[Saved data entries]

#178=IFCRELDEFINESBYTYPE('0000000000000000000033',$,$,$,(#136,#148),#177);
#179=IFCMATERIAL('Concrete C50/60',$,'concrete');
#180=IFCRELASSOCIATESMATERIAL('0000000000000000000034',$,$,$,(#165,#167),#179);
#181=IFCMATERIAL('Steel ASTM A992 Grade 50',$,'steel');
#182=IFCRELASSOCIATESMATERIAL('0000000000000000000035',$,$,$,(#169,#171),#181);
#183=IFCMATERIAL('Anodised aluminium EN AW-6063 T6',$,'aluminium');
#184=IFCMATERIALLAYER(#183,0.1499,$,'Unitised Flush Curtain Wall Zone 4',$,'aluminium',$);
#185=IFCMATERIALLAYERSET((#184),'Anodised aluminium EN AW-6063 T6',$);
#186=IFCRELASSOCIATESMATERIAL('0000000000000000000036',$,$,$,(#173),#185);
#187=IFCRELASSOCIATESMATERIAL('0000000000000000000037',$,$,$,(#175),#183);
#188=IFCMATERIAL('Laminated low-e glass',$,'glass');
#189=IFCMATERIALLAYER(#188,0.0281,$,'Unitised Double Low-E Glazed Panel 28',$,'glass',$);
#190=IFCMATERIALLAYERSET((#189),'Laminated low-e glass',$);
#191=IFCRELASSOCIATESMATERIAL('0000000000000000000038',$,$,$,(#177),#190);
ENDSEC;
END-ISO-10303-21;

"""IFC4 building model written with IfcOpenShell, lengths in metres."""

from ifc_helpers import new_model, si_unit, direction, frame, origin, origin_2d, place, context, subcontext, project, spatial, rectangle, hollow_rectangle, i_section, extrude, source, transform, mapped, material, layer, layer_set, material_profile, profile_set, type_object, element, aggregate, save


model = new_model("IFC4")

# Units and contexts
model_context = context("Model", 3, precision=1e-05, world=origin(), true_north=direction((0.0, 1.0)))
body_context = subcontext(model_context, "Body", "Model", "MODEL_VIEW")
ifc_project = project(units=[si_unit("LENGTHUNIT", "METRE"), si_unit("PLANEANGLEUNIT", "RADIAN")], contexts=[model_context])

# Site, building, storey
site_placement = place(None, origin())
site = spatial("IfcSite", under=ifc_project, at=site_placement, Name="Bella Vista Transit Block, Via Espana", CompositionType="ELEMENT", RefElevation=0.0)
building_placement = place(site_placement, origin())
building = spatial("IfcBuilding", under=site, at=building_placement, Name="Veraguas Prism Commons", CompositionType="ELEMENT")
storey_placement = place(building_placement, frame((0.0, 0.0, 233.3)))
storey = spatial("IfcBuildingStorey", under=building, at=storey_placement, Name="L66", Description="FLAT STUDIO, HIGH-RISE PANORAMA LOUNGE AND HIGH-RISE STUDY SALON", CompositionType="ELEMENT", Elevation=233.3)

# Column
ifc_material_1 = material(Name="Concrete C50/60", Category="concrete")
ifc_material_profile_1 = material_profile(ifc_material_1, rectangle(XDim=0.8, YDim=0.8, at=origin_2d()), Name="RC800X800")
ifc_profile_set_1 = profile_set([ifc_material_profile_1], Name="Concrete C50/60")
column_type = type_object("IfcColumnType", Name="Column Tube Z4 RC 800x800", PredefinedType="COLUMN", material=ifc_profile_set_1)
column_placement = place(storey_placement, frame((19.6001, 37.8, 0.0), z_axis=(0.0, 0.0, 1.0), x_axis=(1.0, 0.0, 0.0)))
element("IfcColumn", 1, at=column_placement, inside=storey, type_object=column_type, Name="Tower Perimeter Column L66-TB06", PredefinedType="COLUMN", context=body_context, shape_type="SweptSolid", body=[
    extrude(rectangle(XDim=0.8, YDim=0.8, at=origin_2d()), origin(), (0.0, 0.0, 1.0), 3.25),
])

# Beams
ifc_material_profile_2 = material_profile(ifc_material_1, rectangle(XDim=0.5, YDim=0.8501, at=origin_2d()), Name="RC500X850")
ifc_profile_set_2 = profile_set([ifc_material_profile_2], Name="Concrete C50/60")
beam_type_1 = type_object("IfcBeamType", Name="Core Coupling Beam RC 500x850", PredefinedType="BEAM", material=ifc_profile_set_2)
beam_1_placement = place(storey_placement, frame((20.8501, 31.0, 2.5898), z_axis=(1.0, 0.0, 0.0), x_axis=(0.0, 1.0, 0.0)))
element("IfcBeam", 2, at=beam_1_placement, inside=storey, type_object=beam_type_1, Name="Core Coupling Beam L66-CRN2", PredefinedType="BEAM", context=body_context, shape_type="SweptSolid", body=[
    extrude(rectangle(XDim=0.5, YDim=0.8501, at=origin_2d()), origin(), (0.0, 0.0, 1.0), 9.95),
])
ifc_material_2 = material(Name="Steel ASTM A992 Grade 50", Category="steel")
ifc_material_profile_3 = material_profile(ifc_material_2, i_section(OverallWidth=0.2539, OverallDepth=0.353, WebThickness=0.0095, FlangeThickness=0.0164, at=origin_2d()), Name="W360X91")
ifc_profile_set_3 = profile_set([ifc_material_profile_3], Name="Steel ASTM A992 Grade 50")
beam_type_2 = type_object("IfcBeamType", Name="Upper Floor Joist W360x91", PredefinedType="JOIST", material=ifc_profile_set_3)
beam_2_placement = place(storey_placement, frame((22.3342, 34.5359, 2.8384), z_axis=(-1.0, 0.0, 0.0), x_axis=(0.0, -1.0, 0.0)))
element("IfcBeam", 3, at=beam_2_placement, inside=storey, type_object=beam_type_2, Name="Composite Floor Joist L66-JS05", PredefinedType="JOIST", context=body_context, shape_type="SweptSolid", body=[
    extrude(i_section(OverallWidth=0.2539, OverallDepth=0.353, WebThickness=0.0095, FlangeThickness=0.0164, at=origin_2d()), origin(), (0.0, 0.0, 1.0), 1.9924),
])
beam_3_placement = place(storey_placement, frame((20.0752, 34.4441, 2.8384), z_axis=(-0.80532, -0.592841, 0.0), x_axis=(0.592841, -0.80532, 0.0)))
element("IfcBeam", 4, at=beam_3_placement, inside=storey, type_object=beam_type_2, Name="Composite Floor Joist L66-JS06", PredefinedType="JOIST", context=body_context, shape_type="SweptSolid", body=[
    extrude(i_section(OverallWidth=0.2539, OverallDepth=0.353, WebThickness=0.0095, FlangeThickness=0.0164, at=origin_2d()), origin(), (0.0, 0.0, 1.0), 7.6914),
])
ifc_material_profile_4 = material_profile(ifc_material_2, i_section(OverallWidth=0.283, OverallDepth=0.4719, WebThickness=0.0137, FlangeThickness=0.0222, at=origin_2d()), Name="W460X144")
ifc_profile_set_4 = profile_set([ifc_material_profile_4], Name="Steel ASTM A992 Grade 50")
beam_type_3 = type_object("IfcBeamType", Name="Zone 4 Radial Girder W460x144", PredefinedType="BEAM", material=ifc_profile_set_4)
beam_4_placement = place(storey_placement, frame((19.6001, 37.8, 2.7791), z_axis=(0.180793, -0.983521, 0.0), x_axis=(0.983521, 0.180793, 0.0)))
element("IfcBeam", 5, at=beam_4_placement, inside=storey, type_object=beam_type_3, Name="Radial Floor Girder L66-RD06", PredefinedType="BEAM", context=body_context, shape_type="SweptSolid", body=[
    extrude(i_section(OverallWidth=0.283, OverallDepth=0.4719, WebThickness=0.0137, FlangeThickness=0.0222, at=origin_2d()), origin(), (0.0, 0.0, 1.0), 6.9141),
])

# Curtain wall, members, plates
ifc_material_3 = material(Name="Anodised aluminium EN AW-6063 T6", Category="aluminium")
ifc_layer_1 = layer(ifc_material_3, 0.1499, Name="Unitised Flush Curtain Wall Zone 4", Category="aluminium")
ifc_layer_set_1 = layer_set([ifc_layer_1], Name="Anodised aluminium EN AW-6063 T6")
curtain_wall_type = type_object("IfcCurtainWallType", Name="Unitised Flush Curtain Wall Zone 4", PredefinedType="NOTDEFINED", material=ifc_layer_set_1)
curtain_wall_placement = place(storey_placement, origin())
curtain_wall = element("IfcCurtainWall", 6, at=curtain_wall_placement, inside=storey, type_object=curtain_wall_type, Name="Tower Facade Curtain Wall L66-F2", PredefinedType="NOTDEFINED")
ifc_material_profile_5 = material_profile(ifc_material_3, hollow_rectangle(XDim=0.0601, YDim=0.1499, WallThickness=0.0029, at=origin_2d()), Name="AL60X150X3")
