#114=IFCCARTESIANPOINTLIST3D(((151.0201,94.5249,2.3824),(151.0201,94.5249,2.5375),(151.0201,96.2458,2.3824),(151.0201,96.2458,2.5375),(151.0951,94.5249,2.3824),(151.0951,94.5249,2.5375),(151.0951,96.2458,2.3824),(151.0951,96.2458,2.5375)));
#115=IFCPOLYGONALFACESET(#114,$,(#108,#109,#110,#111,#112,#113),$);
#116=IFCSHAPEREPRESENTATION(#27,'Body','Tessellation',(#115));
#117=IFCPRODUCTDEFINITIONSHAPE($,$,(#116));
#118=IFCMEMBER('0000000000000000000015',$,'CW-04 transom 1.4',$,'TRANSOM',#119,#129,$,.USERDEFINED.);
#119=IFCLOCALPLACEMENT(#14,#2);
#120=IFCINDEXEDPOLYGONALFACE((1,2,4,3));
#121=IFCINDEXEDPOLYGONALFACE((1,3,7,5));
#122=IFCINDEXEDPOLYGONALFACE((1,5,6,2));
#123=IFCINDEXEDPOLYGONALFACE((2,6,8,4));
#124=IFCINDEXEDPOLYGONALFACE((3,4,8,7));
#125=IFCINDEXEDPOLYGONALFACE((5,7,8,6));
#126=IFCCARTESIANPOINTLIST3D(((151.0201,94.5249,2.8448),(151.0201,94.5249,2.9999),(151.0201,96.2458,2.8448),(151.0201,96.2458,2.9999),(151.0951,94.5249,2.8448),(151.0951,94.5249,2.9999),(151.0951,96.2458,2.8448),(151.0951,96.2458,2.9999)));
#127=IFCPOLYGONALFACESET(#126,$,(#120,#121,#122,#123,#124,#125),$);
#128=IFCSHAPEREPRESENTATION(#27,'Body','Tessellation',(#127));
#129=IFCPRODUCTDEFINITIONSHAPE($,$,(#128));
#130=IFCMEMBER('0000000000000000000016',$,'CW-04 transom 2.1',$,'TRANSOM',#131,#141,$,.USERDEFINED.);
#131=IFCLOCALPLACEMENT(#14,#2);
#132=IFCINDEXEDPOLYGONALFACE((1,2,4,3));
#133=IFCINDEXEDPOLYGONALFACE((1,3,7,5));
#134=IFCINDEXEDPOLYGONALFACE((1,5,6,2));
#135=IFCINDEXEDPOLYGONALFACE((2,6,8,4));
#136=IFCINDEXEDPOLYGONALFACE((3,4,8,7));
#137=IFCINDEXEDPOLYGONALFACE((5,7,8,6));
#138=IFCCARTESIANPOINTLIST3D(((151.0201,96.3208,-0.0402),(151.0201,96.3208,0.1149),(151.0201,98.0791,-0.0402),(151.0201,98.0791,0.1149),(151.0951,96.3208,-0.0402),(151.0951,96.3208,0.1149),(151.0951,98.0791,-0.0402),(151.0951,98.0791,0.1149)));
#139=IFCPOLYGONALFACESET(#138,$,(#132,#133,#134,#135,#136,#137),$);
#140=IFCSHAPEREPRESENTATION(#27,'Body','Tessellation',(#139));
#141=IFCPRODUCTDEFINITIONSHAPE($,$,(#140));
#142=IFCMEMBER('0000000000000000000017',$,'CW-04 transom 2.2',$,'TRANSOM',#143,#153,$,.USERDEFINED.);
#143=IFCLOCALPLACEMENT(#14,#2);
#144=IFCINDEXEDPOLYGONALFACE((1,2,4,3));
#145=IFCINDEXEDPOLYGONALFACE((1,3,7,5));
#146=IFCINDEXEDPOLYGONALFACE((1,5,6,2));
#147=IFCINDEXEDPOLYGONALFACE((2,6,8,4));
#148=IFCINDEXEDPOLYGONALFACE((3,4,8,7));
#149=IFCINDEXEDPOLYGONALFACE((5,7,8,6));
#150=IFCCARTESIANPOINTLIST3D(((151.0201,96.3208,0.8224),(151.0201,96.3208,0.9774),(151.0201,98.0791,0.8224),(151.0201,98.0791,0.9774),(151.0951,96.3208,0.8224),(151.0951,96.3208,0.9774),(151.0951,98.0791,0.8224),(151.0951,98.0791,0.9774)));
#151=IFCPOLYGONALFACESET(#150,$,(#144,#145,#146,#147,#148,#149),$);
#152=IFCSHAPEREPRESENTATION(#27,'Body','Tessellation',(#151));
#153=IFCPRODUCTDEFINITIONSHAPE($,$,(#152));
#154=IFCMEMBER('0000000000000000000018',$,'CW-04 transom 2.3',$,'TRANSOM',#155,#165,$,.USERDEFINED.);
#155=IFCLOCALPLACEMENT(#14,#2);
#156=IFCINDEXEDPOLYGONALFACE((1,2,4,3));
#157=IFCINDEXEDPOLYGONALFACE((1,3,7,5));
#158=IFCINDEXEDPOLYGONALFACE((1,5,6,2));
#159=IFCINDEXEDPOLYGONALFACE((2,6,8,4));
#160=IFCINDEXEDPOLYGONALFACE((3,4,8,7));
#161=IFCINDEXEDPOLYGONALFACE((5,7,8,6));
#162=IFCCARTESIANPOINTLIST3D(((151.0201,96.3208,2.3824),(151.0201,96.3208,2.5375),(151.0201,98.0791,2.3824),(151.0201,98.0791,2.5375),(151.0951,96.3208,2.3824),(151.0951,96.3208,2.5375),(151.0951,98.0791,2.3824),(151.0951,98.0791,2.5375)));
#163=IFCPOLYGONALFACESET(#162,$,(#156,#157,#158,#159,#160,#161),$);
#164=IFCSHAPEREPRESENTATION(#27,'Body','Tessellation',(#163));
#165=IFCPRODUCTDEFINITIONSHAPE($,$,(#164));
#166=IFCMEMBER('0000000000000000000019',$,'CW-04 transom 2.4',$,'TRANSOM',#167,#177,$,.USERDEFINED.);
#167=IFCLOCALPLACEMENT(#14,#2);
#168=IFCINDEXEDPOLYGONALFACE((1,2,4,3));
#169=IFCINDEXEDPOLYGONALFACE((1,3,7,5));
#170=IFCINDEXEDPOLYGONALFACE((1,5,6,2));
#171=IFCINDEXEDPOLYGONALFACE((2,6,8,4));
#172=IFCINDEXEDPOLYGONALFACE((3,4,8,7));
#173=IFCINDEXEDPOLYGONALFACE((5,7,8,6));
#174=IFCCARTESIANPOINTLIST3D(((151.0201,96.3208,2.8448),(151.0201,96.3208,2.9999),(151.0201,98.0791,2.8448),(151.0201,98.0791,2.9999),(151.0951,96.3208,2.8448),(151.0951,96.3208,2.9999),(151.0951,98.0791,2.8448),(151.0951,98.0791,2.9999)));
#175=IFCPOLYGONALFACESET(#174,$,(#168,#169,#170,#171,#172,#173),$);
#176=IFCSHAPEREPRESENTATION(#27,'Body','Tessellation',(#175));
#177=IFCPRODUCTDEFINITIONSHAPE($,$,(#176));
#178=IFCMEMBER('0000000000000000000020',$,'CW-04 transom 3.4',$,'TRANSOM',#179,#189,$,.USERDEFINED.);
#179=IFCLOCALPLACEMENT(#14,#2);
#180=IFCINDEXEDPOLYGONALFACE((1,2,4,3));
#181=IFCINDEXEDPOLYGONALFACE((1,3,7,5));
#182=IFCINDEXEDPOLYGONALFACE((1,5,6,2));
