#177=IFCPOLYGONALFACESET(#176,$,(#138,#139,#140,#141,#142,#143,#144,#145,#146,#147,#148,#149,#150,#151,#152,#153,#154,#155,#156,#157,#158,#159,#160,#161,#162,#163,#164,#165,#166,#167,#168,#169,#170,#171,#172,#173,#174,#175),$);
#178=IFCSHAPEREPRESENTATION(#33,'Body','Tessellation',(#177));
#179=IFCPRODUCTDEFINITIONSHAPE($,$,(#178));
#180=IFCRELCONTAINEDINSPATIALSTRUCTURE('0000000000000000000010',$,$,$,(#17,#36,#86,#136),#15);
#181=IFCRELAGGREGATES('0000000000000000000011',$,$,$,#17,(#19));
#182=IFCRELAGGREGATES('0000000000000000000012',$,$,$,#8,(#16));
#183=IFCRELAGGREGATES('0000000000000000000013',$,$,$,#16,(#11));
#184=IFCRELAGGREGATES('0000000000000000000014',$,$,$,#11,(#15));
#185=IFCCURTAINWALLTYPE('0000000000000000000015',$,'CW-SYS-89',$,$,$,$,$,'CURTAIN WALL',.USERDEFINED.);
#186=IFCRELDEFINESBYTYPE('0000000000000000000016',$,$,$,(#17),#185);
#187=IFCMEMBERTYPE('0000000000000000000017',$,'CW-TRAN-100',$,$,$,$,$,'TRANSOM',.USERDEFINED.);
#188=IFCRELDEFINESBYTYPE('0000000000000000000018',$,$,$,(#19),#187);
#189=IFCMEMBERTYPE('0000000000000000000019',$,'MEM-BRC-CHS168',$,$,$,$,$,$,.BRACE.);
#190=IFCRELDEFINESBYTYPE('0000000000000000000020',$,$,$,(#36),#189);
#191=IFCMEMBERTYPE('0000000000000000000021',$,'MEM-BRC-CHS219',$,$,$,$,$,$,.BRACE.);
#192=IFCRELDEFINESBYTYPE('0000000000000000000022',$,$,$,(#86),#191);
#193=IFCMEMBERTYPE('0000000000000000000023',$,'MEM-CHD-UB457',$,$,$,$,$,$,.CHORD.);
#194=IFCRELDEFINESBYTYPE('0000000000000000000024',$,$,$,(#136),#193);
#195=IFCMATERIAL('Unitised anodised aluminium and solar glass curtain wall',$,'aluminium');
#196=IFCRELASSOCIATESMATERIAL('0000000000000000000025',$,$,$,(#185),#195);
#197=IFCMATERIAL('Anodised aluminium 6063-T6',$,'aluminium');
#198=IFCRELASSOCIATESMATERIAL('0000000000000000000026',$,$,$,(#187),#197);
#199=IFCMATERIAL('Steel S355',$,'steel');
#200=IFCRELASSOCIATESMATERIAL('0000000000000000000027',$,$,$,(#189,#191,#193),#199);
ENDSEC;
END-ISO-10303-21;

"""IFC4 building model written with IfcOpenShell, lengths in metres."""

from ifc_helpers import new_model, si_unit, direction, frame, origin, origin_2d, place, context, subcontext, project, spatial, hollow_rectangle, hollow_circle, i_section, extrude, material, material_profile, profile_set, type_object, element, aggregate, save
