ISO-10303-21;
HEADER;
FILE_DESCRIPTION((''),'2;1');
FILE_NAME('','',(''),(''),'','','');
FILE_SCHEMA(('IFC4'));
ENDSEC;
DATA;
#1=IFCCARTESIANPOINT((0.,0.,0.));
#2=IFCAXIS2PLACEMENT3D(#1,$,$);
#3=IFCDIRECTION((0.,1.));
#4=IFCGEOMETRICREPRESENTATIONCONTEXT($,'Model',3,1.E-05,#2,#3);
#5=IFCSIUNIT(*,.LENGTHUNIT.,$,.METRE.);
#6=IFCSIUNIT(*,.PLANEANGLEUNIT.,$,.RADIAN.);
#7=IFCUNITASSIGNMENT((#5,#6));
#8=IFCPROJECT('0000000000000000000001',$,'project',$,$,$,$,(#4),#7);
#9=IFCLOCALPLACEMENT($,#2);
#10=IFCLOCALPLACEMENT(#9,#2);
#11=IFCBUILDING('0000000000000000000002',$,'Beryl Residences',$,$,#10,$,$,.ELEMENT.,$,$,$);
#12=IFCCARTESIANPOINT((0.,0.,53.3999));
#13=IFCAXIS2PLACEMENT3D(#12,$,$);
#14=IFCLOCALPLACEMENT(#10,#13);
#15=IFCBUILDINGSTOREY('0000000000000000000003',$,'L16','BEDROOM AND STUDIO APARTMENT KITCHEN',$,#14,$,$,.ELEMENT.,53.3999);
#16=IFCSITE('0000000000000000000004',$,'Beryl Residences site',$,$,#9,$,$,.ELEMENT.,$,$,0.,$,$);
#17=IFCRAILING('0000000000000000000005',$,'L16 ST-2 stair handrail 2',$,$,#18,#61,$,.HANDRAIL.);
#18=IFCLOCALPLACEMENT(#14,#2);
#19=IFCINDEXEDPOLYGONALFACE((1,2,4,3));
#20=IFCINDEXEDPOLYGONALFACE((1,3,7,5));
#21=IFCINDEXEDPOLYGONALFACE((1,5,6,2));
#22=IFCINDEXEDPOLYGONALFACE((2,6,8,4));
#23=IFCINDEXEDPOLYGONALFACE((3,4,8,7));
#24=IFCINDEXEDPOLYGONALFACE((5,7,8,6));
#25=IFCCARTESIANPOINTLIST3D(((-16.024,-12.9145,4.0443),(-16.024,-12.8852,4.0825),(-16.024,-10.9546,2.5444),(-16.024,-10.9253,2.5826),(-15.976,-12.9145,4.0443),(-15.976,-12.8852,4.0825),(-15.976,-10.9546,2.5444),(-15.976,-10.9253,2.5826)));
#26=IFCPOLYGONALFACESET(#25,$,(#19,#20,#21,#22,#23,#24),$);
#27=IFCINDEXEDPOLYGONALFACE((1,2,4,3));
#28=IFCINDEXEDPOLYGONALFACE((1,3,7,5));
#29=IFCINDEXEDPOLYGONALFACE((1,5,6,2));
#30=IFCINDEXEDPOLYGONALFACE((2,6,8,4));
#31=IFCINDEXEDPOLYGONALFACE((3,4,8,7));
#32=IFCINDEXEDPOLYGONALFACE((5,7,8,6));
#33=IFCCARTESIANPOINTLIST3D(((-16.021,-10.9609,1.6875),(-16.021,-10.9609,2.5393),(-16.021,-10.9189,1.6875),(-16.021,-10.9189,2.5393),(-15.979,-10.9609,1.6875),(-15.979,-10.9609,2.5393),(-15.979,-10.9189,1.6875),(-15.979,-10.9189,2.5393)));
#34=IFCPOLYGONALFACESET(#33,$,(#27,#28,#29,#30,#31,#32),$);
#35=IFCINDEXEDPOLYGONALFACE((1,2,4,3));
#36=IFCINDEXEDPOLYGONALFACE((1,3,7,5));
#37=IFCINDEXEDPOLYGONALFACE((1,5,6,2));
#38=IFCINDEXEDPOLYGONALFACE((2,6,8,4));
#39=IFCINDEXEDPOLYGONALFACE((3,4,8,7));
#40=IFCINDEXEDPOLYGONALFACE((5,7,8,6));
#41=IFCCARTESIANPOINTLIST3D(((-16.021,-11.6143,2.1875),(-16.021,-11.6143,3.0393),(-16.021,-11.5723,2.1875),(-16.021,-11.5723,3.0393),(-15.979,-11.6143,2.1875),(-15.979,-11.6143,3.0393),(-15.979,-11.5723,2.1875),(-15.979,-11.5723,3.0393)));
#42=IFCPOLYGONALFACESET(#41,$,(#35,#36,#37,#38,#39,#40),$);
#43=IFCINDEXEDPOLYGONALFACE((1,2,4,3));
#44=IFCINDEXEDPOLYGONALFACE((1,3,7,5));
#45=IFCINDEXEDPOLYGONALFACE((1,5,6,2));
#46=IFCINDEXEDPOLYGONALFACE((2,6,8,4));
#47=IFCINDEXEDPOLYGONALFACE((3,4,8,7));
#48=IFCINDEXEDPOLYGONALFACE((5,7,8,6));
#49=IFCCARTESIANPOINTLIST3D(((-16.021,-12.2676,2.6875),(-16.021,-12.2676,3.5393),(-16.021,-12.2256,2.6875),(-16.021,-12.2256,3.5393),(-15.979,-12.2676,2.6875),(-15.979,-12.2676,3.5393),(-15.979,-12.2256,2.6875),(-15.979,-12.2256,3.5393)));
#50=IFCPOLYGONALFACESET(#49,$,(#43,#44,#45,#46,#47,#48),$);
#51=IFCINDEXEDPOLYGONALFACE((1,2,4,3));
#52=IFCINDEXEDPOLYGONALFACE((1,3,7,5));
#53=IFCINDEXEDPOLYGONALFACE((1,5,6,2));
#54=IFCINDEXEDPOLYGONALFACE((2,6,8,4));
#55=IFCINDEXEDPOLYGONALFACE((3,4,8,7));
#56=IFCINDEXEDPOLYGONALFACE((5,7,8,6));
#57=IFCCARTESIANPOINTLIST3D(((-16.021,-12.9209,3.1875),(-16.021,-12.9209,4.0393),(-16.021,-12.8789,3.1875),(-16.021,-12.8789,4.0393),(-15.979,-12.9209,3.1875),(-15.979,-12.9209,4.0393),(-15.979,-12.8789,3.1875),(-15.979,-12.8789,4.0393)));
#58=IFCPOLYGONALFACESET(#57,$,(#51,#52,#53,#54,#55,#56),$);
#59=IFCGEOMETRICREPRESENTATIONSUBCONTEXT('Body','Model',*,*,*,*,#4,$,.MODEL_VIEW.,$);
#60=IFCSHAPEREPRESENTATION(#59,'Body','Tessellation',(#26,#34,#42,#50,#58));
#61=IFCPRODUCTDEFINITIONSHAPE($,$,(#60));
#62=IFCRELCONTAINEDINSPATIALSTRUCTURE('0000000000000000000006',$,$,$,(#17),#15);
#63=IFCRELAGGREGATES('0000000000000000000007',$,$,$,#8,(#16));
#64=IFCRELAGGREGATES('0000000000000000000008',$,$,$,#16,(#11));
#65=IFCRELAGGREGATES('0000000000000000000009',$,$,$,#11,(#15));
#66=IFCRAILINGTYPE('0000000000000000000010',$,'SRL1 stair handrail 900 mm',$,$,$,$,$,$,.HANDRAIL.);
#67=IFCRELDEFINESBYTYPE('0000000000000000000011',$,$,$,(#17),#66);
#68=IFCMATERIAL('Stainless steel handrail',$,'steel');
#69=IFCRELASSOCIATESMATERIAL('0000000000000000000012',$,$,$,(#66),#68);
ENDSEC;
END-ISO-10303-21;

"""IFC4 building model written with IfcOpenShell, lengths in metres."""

from ifc_helpers import new_model, si_unit, direction, frame, origin, origin_2d, place, context, subcontext, project, spatial, rectangle, extrude, material, type_object, element, save


model = new_model("IFC4")

# Units and contexts
model_context = context("Model", 3, precision=1e-05, world=origin(), true_north=direction((0.0, 1.0)))
body_context = subcontext(model_context, "Body", "Model", "MODEL_VIEW")
ifc_project = project(units=[si_unit("LENGTHUNIT", "METRE"), si_unit("PLANEANGLEUNIT", "RADIAN")], contexts=[model_context])

# Site, building, storey
site_placement = place(None, origin())
site = spatial("IfcSite", under=ifc_project, at=site_placement, Name="Beryl Residences site", CompositionType="ELEMENT", RefElevation=0.0)
building_placement = place(site_placement, origin())
building = spatial("IfcBuilding", under=site, at=building_placement, Name="Beryl Residences", CompositionType="ELEMENT")
storey_placement = place(building_placement, frame((0.0, 0.0, 53.3999)))
storey = spatial("IfcBuildingStorey", under=building, at=storey_placement, Name="L16", Description="BEDROOM AND STUDIO APARTMENT KITCHEN", CompositionType="ELEMENT", Elevation=53.3999)

# Railing
ifc_material_1 = material(Name="Stainless steel handrail", Category="steel")
railing_type_1 = type_object("IfcRailingType", Name="SRL1 stair handrail 900 mm", PredefinedType="HANDRAIL", material=ifc_material_1)
railing_1_placement = place(storey_placement, frame((-16.0, -10.9399, 1.6875)))
element("IfcRailing", 1, at=railing_1_placement, inside=storey, type_object=railing_type_1, Name="L16 ST-2 stair handrail 2", PredefinedType="HANDRAIL", context=body_context, shape_type="SweptSolid", body=[
    extrude(rectangle(XDim=0.0481, YDim=0.0481, at=origin_2d()), frame((0.0, 0.0, 0.876), z_axis=(0.0, -0.794122, 0.607758), x_axis=(1.0, 0.0, 0.0)), (0.0, 0.0, 1.0), 2.468),
    extrude(rectangle(XDim=0.042, YDim=0.042, at=origin_2d()), origin(), (0.0, 0.0, 1.0), 0.8518),
    extrude(rectangle(XDim=0.042, YDim=0.042, at=origin_2d()), frame((0.0, -0.6533, 0.5)), (0.0, 0.0, 1.0), 0.8518),
    extrude(rectangle(XDim=0.042, YDim=0.042, at=origin_2d()), frame((0.0, -1.3066, 1.0)), (0.0, 0.0, 1.0), 0.8518),
    extrude(rectangle(XDim=0.042, YDim=0.042, at=origin_2d()), frame((0.0, -1.96, 1.5)), (0.0, 0.0, 1.0), 0.8518),
])

save(model, "model.ifc")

**REQUIREMENT:** Taking the entries above, write out exactly the lines starting with the line containing "#153=IFCPRODUCTDEFINITIONSHAPE($,$,(#152));" and going on through the line containing "#169=IFCINDEXEDPOLYGONALFACE((1,3,7,5));", both included, and nothing else.

**OUTPUT:**
#153=IFCPRODUCTDEFINITIONSHAPE($,$,(#152));
#154=IFCMEMBER('0000000000000000000018',$,'CW-04 transom 2.3',$,'TRANSOM',#155,#165,$,.USERDEFINED.);
#155=IFCLOCALPLACEMENT(#14,#2);
#156=IFCINDEXEDPOLYGONALFACE((1,2,4,3));
#157=IFCINDEXEDPOLYGONALFACE((1,3,7,5));
#158=IFCINDEXEDPOLYGONALFACE((1,5,6,2));
#159=IFCINDEXEDPOLYGONALFACE((2,6,8,4));
#160=IFCINDEXEDPOLYGONALFACE((3,4,8,7));
#161=IFCINDEXEDPOLYGONALFACE((5,7,8,6));
#162=IFCCARTESIANPOINTLIST3D(((151.0201,96.3208,2.3824),(151.0201,96.3208,2.5375),(151.0201,98.0791,2.3824),(151.0201,98.0791,2.5375),(151.0951,96.3208,2.3824),(151.0951,96.3208,2.5375),(151.0951,98.0791,2.3824),(151.0951,98.0791,2.5375)));
#163=IFCPOLYGONALFACESET(#162,$,(#156,#157,#158,#159,#160,#161),$);
#164=IFCSHAPEREPRESENTATION(#27,'Body','Tessellation',(#163));
#165=IFCPRODUCTDEFINITIONSHAPE($,$,(#164));
#166=IFCMEMBER('0000000000000000000019',$,'CW-04 transom 2.4',$,'TRANSOM',#167,#177,$,.USERDEFINED.);
#167=IFCLOCALPLACEMENT(#14,#2);
#168=IFCINDEXEDPOLYGONALFACE((1,2,4,3));
#169=IFCINDEXEDPOLYGONALFACE((1,3,7,5));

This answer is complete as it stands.